**Task instructions**
Your answer is every line of the material below in which the string "OverallWidth" occurs.

**Data supplied**
---*---

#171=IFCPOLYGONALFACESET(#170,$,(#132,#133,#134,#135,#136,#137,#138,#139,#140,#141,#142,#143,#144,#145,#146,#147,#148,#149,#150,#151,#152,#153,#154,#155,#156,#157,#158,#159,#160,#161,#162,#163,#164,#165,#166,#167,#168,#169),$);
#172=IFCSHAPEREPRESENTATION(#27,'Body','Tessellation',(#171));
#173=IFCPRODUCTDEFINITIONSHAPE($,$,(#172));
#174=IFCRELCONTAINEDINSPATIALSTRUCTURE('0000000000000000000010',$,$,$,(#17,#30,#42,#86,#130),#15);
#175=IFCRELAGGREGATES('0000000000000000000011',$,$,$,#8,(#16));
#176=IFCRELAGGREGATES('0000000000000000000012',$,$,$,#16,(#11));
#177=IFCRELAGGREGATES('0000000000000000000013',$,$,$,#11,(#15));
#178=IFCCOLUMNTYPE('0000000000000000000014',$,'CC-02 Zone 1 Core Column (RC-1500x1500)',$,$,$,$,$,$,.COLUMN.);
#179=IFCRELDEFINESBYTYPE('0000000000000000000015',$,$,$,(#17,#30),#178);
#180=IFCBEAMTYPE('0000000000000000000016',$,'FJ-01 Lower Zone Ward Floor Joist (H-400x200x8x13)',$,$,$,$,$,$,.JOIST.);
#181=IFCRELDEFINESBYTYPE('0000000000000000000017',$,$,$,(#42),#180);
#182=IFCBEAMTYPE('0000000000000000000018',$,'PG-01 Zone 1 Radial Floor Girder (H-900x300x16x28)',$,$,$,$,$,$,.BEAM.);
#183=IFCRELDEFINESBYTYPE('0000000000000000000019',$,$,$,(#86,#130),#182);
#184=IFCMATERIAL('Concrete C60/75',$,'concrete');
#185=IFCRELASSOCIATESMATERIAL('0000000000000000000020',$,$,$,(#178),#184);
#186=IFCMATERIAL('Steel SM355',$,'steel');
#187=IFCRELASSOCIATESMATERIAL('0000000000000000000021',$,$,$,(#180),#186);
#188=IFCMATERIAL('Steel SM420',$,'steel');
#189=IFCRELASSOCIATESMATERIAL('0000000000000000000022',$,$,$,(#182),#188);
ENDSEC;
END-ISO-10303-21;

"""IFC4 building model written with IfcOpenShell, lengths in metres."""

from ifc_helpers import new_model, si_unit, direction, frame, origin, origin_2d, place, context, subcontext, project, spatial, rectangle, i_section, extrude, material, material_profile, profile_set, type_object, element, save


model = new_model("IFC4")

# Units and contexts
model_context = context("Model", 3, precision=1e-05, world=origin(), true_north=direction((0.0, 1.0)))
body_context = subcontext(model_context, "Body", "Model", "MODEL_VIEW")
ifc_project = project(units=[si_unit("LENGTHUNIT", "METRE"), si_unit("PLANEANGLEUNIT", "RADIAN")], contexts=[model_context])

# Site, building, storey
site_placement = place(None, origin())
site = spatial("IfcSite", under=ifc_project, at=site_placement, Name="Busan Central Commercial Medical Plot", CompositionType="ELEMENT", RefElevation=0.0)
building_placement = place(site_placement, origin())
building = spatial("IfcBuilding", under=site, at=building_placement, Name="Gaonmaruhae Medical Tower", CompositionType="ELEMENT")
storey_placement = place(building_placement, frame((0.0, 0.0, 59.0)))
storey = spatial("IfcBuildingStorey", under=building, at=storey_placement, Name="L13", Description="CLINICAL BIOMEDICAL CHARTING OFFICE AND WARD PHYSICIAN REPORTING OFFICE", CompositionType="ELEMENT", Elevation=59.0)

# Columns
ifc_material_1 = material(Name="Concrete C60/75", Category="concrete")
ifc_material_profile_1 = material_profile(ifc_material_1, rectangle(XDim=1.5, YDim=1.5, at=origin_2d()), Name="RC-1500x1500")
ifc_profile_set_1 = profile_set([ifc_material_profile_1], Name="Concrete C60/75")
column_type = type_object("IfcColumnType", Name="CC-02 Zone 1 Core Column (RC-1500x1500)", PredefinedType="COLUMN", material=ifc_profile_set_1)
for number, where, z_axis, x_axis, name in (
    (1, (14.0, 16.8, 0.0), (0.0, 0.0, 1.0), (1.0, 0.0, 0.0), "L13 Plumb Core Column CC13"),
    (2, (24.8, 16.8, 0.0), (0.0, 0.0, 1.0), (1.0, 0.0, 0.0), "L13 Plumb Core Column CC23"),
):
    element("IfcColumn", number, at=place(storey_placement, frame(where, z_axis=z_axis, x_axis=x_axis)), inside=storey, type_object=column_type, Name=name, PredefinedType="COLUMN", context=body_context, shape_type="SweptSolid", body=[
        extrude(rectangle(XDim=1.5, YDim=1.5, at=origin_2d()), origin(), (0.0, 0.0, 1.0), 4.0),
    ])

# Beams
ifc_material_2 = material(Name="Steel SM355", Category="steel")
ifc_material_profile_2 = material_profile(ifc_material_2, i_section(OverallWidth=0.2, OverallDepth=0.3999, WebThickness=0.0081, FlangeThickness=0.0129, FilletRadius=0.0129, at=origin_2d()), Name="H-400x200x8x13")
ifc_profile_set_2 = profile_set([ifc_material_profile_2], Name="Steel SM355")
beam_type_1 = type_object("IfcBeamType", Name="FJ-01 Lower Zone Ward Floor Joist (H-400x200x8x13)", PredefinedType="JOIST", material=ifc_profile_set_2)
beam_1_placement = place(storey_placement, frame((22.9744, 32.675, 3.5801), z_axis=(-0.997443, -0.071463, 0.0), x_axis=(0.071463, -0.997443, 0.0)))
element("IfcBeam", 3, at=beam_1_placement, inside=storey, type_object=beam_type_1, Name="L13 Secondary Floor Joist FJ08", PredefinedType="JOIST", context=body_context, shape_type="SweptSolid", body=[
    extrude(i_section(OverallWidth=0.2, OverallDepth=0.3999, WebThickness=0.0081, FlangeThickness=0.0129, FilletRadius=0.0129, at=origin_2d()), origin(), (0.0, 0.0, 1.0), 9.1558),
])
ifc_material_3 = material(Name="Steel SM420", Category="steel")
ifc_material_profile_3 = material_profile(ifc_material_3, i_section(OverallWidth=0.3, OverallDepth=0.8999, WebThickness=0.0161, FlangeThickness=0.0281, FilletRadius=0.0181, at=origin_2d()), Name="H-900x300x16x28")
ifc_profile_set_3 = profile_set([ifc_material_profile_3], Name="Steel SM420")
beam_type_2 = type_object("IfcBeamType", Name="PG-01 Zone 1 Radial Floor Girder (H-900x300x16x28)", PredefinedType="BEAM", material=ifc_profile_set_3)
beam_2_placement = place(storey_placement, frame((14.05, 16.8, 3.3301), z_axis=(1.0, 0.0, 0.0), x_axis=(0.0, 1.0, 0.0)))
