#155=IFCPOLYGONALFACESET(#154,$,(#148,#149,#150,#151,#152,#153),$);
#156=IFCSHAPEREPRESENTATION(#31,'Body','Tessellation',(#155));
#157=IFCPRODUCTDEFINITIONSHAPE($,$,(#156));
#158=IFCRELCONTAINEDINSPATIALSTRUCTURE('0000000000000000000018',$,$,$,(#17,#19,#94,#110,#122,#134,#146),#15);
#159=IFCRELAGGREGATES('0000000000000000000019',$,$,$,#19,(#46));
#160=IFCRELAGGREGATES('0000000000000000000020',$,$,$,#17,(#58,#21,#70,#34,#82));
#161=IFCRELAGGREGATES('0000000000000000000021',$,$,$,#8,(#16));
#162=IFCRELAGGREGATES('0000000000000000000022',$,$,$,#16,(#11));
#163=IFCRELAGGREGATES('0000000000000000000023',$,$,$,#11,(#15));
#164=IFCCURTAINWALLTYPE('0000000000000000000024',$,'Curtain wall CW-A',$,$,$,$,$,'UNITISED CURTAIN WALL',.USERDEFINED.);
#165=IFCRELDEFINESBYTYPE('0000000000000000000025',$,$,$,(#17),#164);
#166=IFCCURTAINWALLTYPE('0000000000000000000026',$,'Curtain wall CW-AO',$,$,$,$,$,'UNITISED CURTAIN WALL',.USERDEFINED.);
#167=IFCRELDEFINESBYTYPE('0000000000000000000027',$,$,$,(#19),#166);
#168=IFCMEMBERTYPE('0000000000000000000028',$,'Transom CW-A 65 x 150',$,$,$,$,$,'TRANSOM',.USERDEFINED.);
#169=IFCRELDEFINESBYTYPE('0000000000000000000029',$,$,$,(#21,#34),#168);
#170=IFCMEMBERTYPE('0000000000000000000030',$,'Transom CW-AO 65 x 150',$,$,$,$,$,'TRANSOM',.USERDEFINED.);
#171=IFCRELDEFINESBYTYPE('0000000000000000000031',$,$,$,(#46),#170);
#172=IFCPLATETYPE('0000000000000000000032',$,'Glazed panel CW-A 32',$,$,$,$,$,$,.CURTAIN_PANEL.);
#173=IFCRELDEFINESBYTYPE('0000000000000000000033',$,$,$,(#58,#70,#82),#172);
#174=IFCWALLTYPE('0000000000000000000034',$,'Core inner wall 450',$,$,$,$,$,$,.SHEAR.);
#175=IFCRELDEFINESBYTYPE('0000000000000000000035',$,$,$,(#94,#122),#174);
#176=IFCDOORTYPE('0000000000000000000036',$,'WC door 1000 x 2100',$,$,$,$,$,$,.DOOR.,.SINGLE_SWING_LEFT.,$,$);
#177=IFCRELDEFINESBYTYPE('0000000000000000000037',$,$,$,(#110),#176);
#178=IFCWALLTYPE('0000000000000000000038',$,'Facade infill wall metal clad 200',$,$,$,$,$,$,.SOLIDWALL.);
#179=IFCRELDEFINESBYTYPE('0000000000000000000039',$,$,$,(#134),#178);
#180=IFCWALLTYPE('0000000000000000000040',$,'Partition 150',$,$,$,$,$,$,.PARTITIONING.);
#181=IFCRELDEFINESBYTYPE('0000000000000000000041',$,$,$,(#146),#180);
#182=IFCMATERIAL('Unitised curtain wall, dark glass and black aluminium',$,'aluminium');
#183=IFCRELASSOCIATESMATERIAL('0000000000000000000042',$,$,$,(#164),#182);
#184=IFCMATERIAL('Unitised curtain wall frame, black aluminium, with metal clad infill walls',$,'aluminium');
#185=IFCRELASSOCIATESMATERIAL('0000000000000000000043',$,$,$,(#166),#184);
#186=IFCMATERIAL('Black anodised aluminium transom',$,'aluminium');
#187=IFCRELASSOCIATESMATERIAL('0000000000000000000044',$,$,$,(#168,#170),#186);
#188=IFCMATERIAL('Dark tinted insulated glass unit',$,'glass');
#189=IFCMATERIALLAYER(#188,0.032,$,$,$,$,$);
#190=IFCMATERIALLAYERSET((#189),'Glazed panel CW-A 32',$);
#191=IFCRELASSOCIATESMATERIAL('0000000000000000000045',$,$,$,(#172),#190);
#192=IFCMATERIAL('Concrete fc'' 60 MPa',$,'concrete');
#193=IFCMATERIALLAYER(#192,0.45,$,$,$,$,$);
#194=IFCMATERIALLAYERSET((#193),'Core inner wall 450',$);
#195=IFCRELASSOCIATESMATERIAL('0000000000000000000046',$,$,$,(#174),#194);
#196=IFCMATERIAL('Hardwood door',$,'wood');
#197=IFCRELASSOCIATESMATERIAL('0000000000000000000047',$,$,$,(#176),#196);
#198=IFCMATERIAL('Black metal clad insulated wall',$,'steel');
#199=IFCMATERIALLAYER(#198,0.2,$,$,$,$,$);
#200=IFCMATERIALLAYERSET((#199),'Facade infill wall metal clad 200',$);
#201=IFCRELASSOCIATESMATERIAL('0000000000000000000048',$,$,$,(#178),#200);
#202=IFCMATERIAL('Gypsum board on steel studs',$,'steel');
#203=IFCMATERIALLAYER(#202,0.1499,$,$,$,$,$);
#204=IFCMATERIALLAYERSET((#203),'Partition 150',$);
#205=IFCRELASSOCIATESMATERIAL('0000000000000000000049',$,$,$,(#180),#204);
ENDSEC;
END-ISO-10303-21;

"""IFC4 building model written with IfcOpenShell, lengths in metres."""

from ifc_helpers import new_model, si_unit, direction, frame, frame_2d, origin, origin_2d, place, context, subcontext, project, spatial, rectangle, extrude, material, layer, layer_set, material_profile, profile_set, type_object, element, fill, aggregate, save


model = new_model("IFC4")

---*---

**Response**
ifc_material_profile_2 = material_profile(ifc_material_2, i_section(OverallWidth=0.2, OverallDepth=0.3999, WebThickness=0.0081, FlangeThickness=0.0129, FilletRadius=0.0129, at=origin_2d()), Name="H-400x200x8x13")
    extrude(i_section(OverallWidth=0.2, OverallDepth=0.3999, WebThickness=0.0081, FlangeThickness=0.0129, FilletRadius=0.0129, at=origin_2d()), origin(), (0.0, 0.0, 1.0), 9.1558),
ifc_material_profile_3 = material_profile(ifc_material_3, i_section(OverallWidth=0.3, OverallDepth=0.8999, WebThickness=0.0161, FlangeThickness=0.0281, FilletRadius=0.0181, at=origin_2d()), Name="H-900x300x16x28")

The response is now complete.